> Data section:
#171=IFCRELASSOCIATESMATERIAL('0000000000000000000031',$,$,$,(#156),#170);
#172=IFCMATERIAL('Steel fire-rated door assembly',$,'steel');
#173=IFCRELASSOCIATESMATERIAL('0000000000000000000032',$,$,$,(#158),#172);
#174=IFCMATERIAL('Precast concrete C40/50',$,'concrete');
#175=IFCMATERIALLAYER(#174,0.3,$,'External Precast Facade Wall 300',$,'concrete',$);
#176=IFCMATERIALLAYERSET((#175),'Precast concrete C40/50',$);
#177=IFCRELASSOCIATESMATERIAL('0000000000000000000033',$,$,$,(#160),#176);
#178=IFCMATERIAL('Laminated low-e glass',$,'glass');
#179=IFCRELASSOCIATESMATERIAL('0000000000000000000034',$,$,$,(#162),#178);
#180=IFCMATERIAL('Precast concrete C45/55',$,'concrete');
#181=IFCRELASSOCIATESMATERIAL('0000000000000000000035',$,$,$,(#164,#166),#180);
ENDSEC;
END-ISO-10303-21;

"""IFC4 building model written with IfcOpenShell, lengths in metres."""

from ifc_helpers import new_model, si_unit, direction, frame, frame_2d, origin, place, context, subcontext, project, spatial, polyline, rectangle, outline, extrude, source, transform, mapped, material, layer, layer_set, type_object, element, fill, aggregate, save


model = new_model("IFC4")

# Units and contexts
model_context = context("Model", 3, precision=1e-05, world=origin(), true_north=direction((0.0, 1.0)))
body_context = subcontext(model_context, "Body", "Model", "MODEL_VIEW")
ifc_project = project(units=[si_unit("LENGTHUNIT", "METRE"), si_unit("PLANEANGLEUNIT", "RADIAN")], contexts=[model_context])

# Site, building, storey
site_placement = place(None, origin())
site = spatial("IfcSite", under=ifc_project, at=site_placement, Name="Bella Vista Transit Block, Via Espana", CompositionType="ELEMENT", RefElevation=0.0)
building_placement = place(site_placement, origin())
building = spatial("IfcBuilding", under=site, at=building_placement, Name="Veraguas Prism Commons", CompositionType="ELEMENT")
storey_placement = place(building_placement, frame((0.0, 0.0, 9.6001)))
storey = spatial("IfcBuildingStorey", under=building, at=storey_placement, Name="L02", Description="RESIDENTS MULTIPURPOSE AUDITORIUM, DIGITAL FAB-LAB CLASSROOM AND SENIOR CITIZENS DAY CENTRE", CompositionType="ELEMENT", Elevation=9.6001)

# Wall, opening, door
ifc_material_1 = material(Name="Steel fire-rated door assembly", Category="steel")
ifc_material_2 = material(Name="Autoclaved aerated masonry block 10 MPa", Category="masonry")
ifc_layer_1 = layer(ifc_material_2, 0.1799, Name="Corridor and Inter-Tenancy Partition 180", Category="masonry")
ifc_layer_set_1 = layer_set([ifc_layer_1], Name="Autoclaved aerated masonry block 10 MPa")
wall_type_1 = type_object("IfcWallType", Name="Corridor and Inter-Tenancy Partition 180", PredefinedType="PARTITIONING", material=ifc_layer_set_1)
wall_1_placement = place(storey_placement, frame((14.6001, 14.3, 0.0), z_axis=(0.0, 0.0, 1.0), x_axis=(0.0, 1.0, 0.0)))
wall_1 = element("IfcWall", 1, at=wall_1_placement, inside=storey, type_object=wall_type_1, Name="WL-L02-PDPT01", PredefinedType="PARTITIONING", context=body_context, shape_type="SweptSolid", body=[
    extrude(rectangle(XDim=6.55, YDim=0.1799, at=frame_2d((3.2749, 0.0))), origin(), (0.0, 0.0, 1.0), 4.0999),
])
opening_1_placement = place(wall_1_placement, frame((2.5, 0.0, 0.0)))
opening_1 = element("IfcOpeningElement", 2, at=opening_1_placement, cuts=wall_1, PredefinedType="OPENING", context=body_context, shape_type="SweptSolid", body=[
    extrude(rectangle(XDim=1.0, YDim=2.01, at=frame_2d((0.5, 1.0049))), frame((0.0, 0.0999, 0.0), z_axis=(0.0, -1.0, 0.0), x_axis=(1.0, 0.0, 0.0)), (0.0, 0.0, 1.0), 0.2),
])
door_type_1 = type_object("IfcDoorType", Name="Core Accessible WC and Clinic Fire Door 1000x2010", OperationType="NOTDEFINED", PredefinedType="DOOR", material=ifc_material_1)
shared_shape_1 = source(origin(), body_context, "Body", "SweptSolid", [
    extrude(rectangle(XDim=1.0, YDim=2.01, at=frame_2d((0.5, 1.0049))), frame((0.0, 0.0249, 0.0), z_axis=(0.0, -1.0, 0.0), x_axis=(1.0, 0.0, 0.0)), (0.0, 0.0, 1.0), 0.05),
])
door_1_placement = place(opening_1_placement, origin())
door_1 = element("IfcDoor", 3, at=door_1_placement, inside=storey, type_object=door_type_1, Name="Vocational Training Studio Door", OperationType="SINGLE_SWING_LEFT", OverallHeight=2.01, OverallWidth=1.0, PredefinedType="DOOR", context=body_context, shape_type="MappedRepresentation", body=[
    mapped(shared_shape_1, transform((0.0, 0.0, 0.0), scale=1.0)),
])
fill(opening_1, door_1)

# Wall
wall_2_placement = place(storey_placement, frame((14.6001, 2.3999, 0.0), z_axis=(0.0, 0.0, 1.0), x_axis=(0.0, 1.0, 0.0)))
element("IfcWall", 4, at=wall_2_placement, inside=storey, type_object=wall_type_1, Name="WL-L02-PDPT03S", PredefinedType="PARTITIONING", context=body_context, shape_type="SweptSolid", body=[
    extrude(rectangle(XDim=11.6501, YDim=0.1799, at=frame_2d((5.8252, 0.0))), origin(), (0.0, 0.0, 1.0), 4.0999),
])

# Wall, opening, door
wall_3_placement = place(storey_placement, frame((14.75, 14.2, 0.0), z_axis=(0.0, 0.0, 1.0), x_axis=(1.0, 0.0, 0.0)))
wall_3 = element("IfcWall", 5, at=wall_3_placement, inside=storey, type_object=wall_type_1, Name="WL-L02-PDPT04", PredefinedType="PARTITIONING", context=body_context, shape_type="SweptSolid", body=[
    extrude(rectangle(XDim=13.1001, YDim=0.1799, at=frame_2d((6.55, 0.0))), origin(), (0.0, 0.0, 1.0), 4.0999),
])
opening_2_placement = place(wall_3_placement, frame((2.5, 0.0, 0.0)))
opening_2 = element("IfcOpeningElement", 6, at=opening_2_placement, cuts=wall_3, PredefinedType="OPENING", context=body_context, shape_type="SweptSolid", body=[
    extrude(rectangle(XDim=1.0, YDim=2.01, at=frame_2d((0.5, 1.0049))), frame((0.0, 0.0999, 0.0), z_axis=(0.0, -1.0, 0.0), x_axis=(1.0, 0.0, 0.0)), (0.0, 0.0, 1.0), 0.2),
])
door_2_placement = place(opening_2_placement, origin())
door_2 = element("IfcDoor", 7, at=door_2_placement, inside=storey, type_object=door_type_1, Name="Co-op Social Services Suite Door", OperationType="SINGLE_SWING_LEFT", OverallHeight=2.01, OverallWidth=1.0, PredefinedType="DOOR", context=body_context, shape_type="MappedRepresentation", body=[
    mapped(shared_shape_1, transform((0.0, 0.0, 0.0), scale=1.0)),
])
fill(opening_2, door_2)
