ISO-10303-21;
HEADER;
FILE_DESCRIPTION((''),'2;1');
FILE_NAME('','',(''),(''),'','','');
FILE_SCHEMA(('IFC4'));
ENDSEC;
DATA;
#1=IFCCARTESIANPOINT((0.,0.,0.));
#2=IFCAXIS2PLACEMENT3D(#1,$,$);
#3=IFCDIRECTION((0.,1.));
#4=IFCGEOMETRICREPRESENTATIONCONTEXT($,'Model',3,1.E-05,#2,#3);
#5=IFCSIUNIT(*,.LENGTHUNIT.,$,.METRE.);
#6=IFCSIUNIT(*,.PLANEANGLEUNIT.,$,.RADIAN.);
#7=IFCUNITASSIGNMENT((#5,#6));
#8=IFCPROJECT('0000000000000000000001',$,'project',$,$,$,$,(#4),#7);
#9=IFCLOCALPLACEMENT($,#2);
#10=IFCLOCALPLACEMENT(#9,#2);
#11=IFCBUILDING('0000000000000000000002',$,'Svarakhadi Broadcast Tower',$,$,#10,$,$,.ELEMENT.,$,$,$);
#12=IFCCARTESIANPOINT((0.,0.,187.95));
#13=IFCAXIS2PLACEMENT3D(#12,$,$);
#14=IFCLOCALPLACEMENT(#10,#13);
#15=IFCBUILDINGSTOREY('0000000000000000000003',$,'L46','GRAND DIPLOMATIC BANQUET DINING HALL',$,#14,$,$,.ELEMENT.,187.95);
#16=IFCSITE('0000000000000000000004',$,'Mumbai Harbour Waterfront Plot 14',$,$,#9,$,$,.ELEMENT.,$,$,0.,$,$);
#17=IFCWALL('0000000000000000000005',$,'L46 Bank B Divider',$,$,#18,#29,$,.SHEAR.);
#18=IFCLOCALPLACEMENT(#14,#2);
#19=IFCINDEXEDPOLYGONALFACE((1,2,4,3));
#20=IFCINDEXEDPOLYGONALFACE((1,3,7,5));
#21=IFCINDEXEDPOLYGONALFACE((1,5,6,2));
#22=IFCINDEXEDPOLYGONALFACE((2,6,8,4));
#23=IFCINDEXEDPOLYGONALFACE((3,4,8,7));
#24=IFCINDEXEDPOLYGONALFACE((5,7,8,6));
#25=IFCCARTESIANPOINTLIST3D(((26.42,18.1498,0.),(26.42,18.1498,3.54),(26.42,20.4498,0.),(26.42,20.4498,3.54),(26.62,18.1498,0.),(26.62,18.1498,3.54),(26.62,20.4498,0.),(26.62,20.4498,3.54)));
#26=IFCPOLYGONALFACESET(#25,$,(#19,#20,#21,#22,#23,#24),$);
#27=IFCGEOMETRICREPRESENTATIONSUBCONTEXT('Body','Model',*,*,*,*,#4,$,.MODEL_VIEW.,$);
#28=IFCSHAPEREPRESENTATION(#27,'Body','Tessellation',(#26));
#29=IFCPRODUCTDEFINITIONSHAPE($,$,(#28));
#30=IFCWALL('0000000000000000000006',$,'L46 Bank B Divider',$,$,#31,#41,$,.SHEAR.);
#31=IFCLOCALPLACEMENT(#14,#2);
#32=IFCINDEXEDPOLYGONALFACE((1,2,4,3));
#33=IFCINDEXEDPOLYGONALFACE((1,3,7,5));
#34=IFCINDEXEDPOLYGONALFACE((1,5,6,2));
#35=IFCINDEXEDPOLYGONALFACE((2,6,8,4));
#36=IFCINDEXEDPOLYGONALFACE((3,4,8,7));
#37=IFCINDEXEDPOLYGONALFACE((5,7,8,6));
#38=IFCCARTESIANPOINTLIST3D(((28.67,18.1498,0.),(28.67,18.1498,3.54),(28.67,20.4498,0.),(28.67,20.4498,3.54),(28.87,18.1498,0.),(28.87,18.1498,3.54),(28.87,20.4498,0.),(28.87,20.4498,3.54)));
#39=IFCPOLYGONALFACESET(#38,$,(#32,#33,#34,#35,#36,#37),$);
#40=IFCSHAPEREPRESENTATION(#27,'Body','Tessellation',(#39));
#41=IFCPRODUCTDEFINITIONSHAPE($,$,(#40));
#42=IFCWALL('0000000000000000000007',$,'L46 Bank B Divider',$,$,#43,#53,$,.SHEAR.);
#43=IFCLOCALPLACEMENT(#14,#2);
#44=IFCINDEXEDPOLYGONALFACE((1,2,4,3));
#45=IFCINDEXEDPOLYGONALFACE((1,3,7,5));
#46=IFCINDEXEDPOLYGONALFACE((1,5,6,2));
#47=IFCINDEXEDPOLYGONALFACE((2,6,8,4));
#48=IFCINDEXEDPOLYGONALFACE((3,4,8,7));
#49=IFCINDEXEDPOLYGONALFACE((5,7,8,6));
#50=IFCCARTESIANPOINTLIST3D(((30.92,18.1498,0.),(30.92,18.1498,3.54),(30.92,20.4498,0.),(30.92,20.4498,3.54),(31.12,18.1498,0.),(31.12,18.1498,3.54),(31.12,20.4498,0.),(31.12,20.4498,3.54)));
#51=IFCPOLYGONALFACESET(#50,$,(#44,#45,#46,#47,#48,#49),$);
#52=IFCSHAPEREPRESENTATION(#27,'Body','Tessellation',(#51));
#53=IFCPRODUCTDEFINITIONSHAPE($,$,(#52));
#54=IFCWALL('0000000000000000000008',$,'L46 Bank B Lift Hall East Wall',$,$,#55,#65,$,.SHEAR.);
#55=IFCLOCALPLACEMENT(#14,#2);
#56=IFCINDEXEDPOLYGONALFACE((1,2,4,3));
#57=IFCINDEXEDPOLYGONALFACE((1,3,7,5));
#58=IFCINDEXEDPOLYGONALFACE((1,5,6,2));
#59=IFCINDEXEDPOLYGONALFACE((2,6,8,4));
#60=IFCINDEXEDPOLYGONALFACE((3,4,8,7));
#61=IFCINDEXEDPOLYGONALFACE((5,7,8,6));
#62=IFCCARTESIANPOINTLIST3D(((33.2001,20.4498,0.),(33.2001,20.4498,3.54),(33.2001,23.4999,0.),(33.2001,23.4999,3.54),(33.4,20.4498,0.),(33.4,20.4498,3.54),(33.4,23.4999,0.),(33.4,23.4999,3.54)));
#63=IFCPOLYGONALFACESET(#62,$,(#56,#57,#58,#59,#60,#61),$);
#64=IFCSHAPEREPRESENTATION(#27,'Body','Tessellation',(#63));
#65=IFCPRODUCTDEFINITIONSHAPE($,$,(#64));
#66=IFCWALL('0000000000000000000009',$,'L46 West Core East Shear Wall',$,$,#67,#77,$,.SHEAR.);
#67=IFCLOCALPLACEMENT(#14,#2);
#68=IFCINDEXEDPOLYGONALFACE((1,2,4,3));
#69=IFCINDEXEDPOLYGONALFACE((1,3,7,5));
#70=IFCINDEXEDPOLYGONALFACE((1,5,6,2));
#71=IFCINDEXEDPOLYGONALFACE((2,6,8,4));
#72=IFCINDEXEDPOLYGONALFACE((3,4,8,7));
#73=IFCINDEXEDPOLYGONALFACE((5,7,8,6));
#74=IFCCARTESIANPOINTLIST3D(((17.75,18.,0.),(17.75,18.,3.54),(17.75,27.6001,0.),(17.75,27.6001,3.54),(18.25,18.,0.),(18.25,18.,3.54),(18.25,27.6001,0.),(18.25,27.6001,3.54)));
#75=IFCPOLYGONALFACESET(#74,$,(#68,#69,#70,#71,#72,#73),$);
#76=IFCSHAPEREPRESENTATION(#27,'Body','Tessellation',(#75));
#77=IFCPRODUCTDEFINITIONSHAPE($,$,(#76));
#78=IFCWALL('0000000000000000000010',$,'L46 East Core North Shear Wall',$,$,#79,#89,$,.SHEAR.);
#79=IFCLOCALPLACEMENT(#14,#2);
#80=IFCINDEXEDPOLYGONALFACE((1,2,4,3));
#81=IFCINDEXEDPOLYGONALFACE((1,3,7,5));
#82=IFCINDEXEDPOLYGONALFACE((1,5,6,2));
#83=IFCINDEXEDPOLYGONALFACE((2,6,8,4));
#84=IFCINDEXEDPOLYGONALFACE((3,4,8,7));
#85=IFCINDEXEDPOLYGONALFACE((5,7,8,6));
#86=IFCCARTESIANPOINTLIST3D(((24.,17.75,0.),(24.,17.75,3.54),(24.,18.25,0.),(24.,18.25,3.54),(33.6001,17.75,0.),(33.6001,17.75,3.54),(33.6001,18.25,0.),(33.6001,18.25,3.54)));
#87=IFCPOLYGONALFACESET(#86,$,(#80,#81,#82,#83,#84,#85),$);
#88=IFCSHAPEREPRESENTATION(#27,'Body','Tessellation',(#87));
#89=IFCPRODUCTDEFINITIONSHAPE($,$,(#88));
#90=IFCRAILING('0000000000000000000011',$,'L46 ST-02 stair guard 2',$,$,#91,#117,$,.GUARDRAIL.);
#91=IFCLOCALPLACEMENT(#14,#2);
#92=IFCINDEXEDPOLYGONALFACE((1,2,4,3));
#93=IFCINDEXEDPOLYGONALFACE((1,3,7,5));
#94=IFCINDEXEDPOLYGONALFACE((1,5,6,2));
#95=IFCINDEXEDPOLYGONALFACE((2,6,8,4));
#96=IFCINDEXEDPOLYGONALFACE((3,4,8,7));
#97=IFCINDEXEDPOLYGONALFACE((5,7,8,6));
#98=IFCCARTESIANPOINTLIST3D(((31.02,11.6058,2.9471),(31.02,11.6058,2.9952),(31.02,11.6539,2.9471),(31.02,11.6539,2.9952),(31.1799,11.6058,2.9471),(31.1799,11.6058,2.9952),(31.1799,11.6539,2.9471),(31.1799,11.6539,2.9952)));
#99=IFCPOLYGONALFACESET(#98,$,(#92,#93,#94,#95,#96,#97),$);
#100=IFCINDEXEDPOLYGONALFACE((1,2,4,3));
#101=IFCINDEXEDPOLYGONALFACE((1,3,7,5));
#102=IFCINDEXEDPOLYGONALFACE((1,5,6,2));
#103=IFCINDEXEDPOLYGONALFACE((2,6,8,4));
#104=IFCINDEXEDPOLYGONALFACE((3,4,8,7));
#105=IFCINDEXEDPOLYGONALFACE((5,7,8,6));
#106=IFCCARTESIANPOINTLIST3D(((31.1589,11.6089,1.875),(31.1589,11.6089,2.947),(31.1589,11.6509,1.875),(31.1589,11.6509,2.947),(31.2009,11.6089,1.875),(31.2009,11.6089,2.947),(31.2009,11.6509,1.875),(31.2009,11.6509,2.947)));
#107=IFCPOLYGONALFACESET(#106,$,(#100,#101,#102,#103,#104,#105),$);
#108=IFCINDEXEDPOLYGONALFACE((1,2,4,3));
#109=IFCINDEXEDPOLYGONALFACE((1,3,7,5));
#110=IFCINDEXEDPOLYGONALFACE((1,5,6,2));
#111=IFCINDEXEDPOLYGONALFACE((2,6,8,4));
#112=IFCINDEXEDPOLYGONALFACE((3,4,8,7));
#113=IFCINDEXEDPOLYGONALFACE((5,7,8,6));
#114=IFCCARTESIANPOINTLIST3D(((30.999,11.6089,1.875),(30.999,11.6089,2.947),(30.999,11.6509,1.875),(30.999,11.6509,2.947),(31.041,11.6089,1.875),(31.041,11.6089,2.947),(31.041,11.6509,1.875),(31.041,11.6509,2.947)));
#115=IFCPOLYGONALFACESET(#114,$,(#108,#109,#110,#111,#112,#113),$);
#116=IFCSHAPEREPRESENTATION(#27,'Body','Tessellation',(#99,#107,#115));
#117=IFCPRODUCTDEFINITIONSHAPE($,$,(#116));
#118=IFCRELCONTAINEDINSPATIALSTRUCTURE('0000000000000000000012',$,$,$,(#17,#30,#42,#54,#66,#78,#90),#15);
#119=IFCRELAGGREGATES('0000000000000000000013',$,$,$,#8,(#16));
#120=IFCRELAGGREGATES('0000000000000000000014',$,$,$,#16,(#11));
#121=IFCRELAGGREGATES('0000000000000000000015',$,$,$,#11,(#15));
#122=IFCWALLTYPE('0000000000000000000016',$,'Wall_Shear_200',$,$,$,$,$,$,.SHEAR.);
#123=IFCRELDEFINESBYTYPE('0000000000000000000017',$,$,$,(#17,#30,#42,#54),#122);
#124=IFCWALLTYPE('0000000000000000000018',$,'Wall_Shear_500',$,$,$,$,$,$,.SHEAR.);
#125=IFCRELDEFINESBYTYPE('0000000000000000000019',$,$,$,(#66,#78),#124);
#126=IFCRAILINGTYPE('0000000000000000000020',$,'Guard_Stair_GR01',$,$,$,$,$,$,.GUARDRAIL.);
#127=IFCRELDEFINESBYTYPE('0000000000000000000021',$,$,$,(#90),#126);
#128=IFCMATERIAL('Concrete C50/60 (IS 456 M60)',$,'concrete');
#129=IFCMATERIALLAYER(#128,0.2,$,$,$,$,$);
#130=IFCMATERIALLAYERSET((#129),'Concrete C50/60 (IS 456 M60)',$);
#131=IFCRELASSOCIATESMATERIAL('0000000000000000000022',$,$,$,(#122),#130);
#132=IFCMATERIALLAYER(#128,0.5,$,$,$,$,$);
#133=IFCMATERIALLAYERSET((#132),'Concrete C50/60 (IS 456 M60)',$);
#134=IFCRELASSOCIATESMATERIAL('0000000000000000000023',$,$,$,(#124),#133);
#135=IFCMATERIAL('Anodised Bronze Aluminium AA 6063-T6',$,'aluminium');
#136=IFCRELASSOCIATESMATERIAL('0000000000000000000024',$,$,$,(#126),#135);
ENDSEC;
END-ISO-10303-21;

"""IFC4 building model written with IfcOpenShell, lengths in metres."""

from ifc_helpers import new_model, si_unit, direction, frame, frame_2d, origin, origin_2d, place, context, subcontext, project, spatial, rectangle, extrude, material, layer, layer_set, type_object, element, save


model = new_model("IFC4")

# Units and contexts
model_context = context("Model", 3, precision=1e-05, world=origin(), true_north=direction((0.0, 1.0)))
body_context = subcontext(model_context, "Body", "Model", "MODEL_VIEW")
ifc_project = project(units=[si_unit("LENGTHUNIT", "METRE"), si_unit("PLANEANGLEUNIT", "RADIAN")], contexts=[model_context])

# Site, building, storey
site_placement = place(None, origin())
site = spatial("IfcSite", under=ifc_project, at=site_placement, Name="Mumbai Harbour Waterfront Plot 14", CompositionType="ELEMENT", RefElevation=0.0)
building_placement = place(site_placement, origin())
building = spatial("IfcBuilding", under=site, at=building_placement, Name="Svarakhadi Broadcast Tower", CompositionType="ELEMENT")
storey_placement = place(building_placement, frame((0.0, 0.0, 187.95)))
storey = spatial("IfcBuildingStorey", under=building, at=storey_placement, Name="L46", Description="GRAND DIPLOMATIC BANQUET DINING HALL", CompositionType="ELEMENT", Elevation=187.95)

# Shared definitions
ifc_material_1 = material(Name="Concrete C50/60 (IS 456 M60)", Category="concrete")

# Shared definitions
ifc_layer_1 = layer(ifc_material_1, 0.2)
ifc_layer_set_1 = layer_set([ifc_layer_1], Name="Concrete C50/60 (IS 456 M60)")
wall_type_1 = type_object("IfcWallType", Name="Wall_Shear_200", PredefinedType="SHEAR", material=ifc_layer_set_1)

# Walls
for number, where, z_axis, x_axis, name in (
    (1, (26.52, 18.1499, 0.0), (0.0, 0.0, 1.0), (0.0, 1.0, 0.0), "L46 Bank B Divider"),
    (2, (28.77, 18.1499, 0.0), (0.0, 0.0, 1.0), (0.0, 1.0, 0.0), "L46 Bank B Divider"),
    (3, (31.02, 18.1499, 0.0), (0.0, 0.0, 1.0), (0.0, 1.0, 0.0), "L46 Bank B Divider"),
):
    element("IfcWall", number, at=place(storey_placement, frame(where, z_axis=z_axis, x_axis=x_axis)), inside=storey, type_object=wall_type_1, Name=name, PredefinedType="SHEAR", context=body_context, shape_type="SweptSolid", body=[
        extrude(rectangle(XDim=2.3, YDim=0.2, at=frame_2d((1.1499, 0.0))), origin(), (0.0, 0.0, 1.0), 3.54),
    ])
wall_1_placement = place(storey_placement, frame((33.3, 20.45, 0.0), z_axis=(0.0, 0.0, 1.0), x_axis=(0.0, 1.0, 0.0)))
element("IfcWall", 4, at=wall_1_placement, inside=storey, type_object=wall_type_1, Name="L46 Bank B Lift Hall East Wall", PredefinedType="SHEAR", context=body_context, shape_type="SweptSolid", body=[
    extrude(rectangle(XDim=3.05, YDim=0.2, at=frame_2d((1.5249, 0.0))), origin(), (0.0, 0.0, 1.0), 3.54),
])

# Walls
ifc_layer_2 = layer(ifc_material_1, 0.5)
ifc_layer_set_2 = layer_set([ifc_layer_2], Name="Concrete C50/60 (IS 456 M60)")
wall_type_2 = type_object("IfcWallType", Name="Wall_Shear_500", PredefinedType="SHEAR", material=ifc_layer_set_2)
for number, where, z_axis, x_axis, name in (
    (5, (18.0, 18.0, 0.0), (0.0, 0.0, 1.0), (0.0, 1.0, 0.0), "L46 West Core East Shear Wall"),
    (6, (24.0, 18.0, 0.0), (0.0, 0.0, 1.0), (1.0, 0.0, 0.0), "L46 East Core North Shear Wall"),
):
    element("IfcWall", number, at=place(storey_placement, frame(where, z_axis=z_axis, x_axis=x_axis)), inside=storey, type_object=wall_type_2, Name=name, PredefinedType="SHEAR", context=body_context, shape_type="SweptSolid", body=[
        extrude(rectangle(XDim=9.6001, YDim=0.5, at=frame_2d((4.8, 0.0))), origin(), (0.0, 0.0, 1.0), 3.54),
    ])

> Problem statement: Work through the records above. Copy every line with the string "fill".

> Expected answer:
from ifc_helpers import new_model, si_unit, direction, frame, frame_2d, origin, place, context, subcontext, project, spatial, polyline, rectangle, outline, extrude, source, transform, mapped, material, layer, layer_set, type_object, element, fill, aggregate, save
fill(opening_1, door_1)
fill(opening_2, door_2)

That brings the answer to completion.